**PROBLEM DETAILS**
Give back the lines of the records exactly, starting at the first and ending at the one with "#67=IFCINDEXEDPOLYGONALFACE((2,4,8,6));".

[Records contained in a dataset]

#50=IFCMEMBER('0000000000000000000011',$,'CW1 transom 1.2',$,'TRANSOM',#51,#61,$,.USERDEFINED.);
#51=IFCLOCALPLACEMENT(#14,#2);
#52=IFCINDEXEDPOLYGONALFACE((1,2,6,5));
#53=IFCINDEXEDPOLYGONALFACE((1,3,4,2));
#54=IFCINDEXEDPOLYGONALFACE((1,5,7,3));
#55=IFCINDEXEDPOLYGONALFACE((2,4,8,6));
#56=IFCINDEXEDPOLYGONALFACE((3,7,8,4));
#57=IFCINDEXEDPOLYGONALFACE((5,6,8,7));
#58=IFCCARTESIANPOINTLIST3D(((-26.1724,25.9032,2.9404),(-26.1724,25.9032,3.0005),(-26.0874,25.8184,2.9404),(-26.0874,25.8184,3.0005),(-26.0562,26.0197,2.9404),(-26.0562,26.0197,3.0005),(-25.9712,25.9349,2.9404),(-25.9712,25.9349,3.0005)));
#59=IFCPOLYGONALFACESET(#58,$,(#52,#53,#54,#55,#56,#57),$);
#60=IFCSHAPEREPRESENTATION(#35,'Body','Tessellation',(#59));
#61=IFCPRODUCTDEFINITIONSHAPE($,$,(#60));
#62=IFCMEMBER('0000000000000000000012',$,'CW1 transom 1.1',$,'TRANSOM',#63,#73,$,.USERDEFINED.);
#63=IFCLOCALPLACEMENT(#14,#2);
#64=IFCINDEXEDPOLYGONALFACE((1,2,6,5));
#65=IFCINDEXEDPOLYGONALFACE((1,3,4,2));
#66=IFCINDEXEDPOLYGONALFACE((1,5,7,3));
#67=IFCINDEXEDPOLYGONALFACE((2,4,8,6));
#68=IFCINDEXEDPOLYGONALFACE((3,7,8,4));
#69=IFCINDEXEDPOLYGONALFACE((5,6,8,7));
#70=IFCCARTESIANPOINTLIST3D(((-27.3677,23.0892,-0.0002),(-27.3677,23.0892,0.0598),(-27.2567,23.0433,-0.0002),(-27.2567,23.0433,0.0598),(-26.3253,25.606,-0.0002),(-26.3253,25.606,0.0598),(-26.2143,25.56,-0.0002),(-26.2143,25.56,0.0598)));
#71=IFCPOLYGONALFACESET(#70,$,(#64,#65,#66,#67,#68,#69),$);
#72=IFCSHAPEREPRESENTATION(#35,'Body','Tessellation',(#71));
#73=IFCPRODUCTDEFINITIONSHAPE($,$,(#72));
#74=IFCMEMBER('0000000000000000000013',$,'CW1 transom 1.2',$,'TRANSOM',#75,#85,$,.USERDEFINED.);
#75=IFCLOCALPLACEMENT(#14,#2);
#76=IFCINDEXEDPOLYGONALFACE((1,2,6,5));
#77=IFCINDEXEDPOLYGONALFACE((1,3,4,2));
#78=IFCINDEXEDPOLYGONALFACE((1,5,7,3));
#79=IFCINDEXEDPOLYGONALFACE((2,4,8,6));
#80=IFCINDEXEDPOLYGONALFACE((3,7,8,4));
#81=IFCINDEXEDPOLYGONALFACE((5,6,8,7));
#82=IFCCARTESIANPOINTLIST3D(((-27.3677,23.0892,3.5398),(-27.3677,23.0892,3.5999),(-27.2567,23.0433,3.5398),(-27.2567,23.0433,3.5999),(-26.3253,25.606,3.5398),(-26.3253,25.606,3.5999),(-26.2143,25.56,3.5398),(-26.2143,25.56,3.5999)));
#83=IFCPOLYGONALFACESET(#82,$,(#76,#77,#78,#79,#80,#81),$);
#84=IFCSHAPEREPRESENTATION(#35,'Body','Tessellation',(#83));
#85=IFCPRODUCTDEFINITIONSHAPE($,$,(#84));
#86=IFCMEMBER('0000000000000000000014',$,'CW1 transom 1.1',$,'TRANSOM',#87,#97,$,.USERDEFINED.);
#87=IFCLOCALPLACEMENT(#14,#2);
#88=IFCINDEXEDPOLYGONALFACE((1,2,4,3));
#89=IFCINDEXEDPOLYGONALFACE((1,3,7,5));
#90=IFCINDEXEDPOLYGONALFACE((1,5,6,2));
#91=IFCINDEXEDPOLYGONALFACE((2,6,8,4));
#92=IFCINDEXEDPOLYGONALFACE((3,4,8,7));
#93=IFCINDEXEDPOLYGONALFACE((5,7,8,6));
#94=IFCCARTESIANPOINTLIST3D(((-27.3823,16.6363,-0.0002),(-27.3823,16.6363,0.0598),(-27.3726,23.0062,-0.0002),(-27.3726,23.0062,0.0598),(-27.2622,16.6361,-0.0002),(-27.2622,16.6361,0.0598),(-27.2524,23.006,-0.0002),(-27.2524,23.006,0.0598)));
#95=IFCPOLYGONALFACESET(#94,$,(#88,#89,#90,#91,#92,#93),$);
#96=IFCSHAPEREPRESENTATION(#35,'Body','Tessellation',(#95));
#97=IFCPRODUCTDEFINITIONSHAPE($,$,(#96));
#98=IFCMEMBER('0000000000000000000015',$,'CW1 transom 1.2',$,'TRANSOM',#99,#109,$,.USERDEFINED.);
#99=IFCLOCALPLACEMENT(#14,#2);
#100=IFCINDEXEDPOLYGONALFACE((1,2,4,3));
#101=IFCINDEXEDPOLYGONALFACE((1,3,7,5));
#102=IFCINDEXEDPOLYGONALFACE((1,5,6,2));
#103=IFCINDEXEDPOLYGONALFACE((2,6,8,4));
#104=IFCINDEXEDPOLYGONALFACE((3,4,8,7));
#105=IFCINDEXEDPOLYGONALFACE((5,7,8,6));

**RESULT OF THIS EXERCISE**
#50=IFCMEMBER('0000000000000000000011',$,'CW1 transom 1.2',$,'TRANSOM',#51,#61,$,.USERDEFINED.);
#51=IFCLOCALPLACEMENT(#14,#2);
#52=IFCINDEXEDPOLYGONALFACE((1,2,6,5));
#53=IFCINDEXEDPOLYGONALFACE((1,3,4,2));
#54=IFCINDEXEDPOLYGONALFACE((1,5,7,3));
#55=IFCINDEXEDPOLYGONALFACE((2,4,8,6));
#56=IFCINDEXEDPOLYGONALFACE((3,7,8,4));
#57=IFCINDEXEDPOLYGONALFACE((5,6,8,7));
#58=IFCCARTESIANPOINTLIST3D(((-26.1724,25.9032,2.9404),(-26.1724,25.9032,3.0005),(-26.0874,25.8184,2.9404),(-26.0874,25.8184,3.0005),(-26.0562,26.0197,2.9404),(-26.0562,26.0197,3.0005),(-25.9712,25.9349,2.9404),(-25.9712,25.9349,3.0005)));
#59=IFCPOLYGONALFACESET(#58,$,(#52,#53,#54,#55,#56,#57),$);
#60=IFCSHAPEREPRESENTATION(#35,'Body','Tessellation',(#59));
#61=IFCPRODUCTDEFINITIONSHAPE($,$,(#60));
#62=IFCMEMBER('0000000000000000000012',$,'CW1 transom 1.1',$,'TRANSOM',#63,#73,$,.USERDEFINED.);
#63=IFCLOCALPLACEMENT(#14,#2);
#64=IFCINDEXEDPOLYGONALFACE((1,2,6,5));
#65=IFCINDEXEDPOLYGONALFACE((1,3,4,2));
#66=IFCINDEXEDPOLYGONALFACE((1,5,7,3));
#67=IFCINDEXEDPOLYGONALFACE((2,4,8,6));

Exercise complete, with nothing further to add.